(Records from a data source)
##############################

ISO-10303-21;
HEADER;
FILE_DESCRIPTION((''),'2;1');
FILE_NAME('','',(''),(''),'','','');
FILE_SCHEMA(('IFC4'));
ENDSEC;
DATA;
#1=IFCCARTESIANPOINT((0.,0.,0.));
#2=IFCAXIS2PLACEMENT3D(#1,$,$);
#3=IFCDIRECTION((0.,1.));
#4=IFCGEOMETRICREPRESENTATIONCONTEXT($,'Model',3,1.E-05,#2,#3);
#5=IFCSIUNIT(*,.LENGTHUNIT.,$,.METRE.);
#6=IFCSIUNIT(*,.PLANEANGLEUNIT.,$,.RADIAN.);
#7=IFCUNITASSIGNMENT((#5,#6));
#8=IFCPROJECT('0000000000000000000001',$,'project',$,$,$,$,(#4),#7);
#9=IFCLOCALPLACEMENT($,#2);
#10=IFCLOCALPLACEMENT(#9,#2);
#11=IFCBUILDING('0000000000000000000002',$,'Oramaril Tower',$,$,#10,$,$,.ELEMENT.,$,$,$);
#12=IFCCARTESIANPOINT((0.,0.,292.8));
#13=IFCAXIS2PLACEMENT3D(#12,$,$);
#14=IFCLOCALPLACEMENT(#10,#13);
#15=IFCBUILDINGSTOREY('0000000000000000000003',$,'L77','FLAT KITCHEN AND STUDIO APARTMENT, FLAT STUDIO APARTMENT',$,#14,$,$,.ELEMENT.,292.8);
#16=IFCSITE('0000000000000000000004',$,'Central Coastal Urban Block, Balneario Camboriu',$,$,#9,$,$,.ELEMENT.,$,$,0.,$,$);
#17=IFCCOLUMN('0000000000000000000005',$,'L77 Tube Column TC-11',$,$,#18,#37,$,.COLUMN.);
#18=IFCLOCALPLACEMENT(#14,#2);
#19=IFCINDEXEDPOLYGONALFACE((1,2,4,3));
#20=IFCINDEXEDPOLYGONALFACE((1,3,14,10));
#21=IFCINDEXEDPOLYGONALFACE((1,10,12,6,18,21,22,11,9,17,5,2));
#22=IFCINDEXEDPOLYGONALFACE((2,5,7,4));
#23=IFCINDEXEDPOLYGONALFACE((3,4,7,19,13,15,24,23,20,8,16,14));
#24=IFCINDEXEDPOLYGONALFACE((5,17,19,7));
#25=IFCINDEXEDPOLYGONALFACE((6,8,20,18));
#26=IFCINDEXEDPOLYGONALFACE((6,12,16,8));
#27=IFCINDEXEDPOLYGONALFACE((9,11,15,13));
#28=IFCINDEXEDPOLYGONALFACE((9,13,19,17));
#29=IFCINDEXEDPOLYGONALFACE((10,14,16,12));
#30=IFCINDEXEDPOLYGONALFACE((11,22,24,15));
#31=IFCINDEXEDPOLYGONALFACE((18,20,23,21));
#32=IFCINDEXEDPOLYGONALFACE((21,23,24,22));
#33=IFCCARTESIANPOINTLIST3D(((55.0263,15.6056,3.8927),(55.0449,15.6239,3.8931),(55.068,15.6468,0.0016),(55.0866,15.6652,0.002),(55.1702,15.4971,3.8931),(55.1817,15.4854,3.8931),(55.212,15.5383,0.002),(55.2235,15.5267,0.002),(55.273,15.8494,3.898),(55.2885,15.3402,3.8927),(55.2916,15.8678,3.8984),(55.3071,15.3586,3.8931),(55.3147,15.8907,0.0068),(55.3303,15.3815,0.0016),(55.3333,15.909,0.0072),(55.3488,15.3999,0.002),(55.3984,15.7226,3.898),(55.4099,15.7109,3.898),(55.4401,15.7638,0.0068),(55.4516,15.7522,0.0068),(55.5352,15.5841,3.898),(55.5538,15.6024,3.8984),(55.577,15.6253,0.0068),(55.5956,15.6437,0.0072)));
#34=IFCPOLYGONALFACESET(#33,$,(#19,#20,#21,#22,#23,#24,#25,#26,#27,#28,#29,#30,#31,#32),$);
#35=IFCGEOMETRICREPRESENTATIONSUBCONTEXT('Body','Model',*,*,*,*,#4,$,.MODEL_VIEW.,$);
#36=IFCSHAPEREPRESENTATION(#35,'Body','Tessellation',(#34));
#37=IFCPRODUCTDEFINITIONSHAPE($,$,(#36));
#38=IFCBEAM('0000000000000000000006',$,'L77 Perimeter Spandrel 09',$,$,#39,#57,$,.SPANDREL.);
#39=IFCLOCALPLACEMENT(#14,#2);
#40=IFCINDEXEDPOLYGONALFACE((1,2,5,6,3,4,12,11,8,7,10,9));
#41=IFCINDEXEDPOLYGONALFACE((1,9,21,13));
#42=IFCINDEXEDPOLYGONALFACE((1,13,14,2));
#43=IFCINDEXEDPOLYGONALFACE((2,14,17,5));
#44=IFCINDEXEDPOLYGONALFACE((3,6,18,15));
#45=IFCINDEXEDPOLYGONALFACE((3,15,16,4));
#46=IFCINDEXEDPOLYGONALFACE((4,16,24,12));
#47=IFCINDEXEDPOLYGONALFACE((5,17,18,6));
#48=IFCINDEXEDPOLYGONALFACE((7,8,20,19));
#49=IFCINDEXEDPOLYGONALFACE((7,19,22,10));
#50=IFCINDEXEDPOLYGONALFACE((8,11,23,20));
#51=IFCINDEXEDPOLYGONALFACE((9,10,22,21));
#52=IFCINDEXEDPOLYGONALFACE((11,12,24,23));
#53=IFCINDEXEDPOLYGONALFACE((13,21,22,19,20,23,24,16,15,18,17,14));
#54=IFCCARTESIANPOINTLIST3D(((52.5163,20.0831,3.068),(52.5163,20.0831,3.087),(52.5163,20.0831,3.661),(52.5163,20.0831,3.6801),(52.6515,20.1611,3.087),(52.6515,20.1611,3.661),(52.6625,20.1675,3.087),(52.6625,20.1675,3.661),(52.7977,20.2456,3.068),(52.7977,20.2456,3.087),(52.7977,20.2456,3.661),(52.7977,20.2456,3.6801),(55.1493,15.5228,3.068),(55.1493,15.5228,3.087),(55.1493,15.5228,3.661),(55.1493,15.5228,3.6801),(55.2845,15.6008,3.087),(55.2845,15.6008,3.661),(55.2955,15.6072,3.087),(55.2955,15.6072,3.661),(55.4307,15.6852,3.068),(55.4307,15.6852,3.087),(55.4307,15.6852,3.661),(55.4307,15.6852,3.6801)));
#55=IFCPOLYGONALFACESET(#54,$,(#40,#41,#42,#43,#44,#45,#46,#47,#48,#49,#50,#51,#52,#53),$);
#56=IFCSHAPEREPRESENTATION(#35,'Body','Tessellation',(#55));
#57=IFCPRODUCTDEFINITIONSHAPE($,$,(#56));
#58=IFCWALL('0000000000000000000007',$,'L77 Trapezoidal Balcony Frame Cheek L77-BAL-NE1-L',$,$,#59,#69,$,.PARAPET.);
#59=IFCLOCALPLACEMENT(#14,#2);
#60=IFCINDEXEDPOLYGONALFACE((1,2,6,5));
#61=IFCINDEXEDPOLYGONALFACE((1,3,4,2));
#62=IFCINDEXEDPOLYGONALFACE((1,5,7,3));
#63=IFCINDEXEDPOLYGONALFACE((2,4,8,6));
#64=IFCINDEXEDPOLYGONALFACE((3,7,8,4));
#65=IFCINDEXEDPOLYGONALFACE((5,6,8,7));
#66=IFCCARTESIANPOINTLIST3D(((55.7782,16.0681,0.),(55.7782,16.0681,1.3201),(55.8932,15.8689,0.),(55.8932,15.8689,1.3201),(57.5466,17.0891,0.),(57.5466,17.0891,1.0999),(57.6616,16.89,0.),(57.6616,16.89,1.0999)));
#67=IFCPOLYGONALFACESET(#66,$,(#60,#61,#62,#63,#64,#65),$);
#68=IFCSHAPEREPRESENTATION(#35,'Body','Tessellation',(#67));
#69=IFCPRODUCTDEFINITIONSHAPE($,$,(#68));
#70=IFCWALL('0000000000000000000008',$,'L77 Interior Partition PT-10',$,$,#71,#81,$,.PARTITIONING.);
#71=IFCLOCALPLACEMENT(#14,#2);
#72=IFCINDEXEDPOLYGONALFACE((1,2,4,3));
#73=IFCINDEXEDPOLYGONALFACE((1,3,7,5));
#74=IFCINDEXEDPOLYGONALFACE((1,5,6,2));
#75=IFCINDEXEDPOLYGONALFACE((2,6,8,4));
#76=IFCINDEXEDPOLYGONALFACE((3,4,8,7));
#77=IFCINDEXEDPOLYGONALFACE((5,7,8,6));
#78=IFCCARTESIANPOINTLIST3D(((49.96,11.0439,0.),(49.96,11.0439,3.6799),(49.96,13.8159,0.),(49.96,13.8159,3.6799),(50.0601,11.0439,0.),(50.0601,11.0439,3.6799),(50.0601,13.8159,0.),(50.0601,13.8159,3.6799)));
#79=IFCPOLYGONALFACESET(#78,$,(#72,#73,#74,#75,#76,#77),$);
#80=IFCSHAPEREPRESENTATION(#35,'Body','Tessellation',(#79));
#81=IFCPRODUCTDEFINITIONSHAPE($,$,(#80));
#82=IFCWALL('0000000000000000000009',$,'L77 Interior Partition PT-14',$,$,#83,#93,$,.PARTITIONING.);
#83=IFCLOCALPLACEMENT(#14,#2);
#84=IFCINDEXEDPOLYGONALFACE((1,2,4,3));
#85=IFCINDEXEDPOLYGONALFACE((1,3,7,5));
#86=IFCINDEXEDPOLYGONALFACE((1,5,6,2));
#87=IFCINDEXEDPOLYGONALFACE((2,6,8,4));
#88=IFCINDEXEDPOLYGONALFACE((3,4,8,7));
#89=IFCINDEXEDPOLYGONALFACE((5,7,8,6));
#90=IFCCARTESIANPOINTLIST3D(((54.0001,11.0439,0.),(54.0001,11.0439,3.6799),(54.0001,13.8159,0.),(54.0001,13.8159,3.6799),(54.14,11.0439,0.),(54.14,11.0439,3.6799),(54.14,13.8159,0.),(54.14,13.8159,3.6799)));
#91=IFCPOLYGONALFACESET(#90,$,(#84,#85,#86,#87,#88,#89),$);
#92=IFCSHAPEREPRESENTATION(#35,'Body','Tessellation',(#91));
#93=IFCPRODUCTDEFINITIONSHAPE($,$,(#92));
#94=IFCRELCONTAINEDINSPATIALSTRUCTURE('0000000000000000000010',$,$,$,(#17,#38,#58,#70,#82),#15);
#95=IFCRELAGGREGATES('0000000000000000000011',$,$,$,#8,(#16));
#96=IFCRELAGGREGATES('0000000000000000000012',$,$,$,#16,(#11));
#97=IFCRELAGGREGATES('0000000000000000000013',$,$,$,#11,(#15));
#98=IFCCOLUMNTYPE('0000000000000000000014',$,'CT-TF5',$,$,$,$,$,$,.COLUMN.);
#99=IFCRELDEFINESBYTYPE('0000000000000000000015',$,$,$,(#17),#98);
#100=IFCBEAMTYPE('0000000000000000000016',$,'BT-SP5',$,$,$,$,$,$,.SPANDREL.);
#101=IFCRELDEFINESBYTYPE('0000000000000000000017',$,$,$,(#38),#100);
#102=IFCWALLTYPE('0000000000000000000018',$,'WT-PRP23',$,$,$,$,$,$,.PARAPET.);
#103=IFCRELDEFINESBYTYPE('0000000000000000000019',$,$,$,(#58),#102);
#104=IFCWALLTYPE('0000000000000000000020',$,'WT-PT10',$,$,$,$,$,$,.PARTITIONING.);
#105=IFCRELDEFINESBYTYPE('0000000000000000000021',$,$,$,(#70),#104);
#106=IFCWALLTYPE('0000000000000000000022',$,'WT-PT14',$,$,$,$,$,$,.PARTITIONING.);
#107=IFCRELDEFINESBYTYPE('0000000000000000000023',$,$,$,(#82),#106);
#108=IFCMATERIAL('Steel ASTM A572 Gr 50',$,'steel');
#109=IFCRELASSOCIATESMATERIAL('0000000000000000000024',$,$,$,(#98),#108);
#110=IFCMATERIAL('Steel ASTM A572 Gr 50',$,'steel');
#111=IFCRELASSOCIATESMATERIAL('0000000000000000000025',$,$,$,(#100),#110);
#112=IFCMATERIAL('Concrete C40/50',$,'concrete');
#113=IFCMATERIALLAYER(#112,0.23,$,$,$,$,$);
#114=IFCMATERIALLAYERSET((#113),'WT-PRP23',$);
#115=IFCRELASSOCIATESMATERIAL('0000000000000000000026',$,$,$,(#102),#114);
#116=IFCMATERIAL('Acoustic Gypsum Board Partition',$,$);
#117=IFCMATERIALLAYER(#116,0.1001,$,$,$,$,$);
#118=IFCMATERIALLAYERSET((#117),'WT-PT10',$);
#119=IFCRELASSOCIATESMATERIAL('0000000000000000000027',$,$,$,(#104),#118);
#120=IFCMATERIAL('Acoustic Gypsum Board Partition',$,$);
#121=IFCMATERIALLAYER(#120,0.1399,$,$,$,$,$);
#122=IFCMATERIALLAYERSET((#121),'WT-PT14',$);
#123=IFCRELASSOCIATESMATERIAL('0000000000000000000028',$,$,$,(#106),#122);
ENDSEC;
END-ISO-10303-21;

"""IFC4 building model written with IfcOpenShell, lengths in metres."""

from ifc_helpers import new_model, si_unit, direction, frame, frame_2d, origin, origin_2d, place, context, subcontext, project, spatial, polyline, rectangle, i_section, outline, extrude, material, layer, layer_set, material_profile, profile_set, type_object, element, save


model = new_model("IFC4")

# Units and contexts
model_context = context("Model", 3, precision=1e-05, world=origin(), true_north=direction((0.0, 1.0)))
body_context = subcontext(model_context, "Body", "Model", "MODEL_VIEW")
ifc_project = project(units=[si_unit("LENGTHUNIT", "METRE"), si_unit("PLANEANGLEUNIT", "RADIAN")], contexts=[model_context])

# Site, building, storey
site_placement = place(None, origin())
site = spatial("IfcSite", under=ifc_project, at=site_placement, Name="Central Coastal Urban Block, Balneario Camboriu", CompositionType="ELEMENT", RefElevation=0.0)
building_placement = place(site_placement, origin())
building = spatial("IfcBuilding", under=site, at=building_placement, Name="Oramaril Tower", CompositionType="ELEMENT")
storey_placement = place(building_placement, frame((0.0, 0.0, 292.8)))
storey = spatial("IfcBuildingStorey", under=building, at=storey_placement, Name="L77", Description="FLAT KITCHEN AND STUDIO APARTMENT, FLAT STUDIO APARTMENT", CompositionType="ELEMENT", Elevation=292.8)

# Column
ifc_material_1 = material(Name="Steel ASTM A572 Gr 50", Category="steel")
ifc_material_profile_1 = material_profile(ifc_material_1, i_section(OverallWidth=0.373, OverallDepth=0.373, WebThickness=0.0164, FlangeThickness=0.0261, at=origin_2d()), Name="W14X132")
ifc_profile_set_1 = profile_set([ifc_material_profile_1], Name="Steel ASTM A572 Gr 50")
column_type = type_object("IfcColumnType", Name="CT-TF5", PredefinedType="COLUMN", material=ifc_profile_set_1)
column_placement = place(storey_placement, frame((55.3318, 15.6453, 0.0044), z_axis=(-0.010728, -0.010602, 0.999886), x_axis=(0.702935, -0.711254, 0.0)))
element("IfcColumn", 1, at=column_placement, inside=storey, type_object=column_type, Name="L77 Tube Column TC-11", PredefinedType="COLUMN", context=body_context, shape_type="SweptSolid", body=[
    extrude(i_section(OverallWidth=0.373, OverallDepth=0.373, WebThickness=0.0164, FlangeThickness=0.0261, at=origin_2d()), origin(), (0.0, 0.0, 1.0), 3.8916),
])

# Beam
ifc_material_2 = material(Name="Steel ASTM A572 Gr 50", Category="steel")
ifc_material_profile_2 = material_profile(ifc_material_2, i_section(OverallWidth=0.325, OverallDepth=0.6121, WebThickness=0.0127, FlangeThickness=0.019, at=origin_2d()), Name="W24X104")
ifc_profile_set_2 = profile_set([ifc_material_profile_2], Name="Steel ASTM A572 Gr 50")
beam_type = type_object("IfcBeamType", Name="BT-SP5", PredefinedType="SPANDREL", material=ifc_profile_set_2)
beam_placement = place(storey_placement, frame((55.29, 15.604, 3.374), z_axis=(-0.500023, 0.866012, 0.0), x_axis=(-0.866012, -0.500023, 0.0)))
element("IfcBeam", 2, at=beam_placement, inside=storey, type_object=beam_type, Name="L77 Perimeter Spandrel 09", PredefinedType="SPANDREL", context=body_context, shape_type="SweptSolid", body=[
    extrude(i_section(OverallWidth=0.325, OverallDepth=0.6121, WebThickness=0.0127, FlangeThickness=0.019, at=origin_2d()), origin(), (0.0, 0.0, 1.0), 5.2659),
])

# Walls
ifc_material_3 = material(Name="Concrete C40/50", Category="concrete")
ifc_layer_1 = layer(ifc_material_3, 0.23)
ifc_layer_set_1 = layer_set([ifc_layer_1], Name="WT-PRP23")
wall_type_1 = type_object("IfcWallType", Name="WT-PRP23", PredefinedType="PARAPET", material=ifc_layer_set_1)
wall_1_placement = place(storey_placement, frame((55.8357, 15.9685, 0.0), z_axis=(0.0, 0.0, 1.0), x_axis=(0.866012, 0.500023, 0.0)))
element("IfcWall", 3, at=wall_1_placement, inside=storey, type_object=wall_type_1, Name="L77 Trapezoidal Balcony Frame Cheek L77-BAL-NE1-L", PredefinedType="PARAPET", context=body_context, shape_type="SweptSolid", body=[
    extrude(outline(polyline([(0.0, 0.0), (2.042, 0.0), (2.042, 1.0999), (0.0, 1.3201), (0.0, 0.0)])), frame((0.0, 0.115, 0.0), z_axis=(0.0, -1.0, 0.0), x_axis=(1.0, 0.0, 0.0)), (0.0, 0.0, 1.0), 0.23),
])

##############################

▸ WHAT YOU NEED TO DO:
Copy out, word for word, the part of the entries above that begins at the line with "FILE_DESCRIPTION((''),'2;1');" and ends at the line with "#27=IFCINDEXEDPOLYGONALFACE((9,11,15,13));", including both.

▸ TASK ANSWER:
FILE_DESCRIPTION((''),'2;1');
FILE_NAME('','',(''),(''),'','','');
FILE_SCHEMA(('IFC4'));
ENDSEC;
DATA;
#1=IFCCARTESIANPOINT((0.,0.,0.));
#2=IFCAXIS2PLACEMENT3D(#1,$,$);
#3=IFCDIRECTION((0.,1.));
#4=IFCGEOMETRICREPRESENTATIONCONTEXT($,'Model',3,1.E-05,#2,#3);
#5=IFCSIUNIT(*,.LENGTHUNIT.,$,.METRE.);
#6=IFCSIUNIT(*,.PLANEANGLEUNIT.,$,.RADIAN.);
#7=IFCUNITASSIGNMENT((#5,#6));
#8=IFCPROJECT('0000000000000000000001',$,'project',$,$,$,$,(#4),#7);
#9=IFCLOCALPLACEMENT($,#2);
#10=IFCLOCALPLACEMENT(#9,#2);
#11=IFCBUILDING('0000000000000000000002',$,'Oramaril Tower',$,$,#10,$,$,.ELEMENT.,$,$,$);
#12=IFCCARTESIANPOINT((0.,0.,292.8));
#13=IFCAXIS2PLACEMENT3D(#12,$,$);
#14=IFCLOCALPLACEMENT(#10,#13);
#15=IFCBUILDINGSTOREY('0000000000000000000003',$,'L77','FLAT KITCHEN AND STUDIO APARTMENT, FLAT STUDIO APARTMENT',$,#14,$,$,.ELEMENT.,292.8);
#16=IFCSITE('0000000000000000000004',$,'Central Coastal Urban Block, Balneario Camboriu',$,$,#9,$,$,.ELEMENT.,$,$,0.,$,$);
#17=IFCCOLUMN('0000000000000000000005',$,'L77 Tube Column TC-11',$,$,#18,#37,$,.COLUMN.);
#18=IFCLOCALPLACEMENT(#14,#2);
#19=IFCINDEXEDPOLYGONALFACE((1,2,4,3));
#20=IFCINDEXEDPOLYGONALFACE((1,3,14,10));
#21=IFCINDEXEDPOLYGONALFACE((1,10,12,6,18,21,22,11,9,17,5,2));
#22=IFCINDEXEDPOLYGONALFACE((2,5,7,4));
#23=IFCINDEXEDPOLYGONALFACE((3,4,7,19,13,15,24,23,20,8,16,14));
#24=IFCINDEXEDPOLYGONALFACE((5,17,19,7));
#25=IFCINDEXEDPOLYGONALFACE((6,8,20,18));
#26=IFCINDEXEDPOLYGONALFACE((6,12,16,8));
#27=IFCINDEXEDPOLYGONALFACE((9,11,15,13));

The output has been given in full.